**The task**
All lines holding the word "origin" should be located in the records and copied.
##### Exercise inputs #####
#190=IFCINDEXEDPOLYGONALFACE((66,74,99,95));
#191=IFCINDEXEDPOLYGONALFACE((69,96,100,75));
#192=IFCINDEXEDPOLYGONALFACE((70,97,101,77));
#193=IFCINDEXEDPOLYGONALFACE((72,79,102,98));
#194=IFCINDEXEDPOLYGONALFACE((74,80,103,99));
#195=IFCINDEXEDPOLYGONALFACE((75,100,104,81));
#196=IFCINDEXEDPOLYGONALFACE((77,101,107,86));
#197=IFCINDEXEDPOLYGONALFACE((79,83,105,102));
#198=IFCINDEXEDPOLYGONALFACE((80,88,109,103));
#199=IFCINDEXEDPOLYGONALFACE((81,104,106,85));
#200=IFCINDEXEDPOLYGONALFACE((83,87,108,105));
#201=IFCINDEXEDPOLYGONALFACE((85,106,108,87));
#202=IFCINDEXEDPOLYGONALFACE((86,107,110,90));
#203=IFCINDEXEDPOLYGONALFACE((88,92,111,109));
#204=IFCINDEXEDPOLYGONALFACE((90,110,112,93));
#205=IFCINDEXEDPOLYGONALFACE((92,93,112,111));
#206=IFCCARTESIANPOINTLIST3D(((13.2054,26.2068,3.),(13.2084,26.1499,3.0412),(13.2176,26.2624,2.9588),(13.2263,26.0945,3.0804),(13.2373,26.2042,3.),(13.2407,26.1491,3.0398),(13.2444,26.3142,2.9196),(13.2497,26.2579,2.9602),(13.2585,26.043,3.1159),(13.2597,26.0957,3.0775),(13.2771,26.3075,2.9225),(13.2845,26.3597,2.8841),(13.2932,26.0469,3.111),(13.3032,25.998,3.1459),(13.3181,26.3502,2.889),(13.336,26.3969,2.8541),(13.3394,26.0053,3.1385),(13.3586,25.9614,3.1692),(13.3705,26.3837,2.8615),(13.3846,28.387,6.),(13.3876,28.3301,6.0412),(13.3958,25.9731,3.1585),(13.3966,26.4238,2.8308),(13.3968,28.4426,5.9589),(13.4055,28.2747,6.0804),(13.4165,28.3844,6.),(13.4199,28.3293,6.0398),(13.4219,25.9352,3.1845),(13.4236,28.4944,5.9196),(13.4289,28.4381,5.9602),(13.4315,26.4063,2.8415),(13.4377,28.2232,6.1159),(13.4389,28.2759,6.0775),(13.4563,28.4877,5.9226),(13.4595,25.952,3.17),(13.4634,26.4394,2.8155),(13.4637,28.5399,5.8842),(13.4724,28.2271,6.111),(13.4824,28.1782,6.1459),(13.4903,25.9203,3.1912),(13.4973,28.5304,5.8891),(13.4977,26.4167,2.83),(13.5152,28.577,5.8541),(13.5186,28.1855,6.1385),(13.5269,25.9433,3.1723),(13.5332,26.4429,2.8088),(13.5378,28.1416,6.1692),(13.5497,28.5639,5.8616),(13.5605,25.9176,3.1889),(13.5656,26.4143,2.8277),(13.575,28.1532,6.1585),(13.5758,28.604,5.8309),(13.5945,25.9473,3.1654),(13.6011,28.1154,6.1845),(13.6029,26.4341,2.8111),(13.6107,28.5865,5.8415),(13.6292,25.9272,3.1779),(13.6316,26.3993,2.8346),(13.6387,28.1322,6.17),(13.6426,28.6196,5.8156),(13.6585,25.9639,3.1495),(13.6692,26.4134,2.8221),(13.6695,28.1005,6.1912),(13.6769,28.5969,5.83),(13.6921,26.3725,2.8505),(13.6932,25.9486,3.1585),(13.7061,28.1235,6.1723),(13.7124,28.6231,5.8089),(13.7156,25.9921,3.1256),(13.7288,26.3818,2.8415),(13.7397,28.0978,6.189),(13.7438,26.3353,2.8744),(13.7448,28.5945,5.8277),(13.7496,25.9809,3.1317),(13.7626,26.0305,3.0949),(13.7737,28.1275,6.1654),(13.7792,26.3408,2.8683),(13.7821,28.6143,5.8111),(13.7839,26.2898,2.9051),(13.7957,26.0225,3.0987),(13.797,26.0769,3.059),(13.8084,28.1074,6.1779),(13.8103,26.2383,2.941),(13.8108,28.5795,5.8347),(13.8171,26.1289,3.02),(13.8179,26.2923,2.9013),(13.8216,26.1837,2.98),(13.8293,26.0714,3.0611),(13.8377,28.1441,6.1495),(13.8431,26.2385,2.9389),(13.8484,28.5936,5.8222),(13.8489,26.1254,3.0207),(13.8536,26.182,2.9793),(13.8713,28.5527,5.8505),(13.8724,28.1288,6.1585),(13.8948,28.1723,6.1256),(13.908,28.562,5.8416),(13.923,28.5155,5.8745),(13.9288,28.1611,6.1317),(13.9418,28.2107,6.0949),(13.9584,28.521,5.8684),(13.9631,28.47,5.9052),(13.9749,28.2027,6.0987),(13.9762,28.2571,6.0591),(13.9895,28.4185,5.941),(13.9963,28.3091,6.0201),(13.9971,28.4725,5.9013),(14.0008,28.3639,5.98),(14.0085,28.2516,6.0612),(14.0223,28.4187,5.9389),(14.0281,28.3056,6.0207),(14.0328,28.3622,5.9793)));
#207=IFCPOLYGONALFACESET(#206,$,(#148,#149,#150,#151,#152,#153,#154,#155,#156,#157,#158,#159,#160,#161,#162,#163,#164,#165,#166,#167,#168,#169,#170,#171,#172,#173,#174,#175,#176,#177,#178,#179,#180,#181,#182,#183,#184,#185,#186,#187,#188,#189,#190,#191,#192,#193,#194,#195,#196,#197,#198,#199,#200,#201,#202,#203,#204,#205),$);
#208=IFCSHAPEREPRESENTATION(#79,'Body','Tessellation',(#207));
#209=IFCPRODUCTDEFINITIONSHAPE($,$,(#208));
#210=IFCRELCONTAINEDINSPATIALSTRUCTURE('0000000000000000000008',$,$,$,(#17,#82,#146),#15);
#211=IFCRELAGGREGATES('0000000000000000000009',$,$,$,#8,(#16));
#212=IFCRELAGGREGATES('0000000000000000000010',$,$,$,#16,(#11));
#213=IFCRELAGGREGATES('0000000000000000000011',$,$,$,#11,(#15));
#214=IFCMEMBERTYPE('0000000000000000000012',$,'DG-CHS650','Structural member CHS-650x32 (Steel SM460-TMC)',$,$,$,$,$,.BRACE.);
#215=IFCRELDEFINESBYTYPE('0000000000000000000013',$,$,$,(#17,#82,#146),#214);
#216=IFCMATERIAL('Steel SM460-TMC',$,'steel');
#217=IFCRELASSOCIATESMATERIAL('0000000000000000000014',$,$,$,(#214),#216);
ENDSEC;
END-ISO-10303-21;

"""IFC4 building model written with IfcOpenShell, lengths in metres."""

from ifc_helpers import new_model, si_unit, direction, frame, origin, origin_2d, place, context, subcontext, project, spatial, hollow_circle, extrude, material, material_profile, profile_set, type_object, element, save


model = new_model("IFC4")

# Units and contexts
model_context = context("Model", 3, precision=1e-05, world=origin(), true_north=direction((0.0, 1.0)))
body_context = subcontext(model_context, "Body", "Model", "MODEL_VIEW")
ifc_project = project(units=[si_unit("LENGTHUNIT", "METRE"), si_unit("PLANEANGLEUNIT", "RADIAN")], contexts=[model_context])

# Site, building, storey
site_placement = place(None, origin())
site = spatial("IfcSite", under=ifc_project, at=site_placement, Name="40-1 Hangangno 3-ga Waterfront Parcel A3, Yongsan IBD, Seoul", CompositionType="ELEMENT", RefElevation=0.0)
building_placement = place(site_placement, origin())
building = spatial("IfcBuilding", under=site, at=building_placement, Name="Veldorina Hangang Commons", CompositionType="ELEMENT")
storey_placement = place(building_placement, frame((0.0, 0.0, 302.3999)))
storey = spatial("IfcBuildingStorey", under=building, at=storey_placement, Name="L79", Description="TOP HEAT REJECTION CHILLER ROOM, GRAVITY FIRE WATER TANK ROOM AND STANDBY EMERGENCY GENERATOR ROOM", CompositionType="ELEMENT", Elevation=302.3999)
#####
**Result**
from ifc_helpers import new_model, si_unit, direction, frame, origin, origin_2d, place, context, subcontext, project, spatial, hollow_circle, extrude, material, material_profile, profile_set, type_object, element, save
model_context = context("Model", 3, precision=1e-05, world=origin(), true_north=direction((0.0, 1.0)))
site_placement = place(None, origin())
building_placement = place(site_placement, origin())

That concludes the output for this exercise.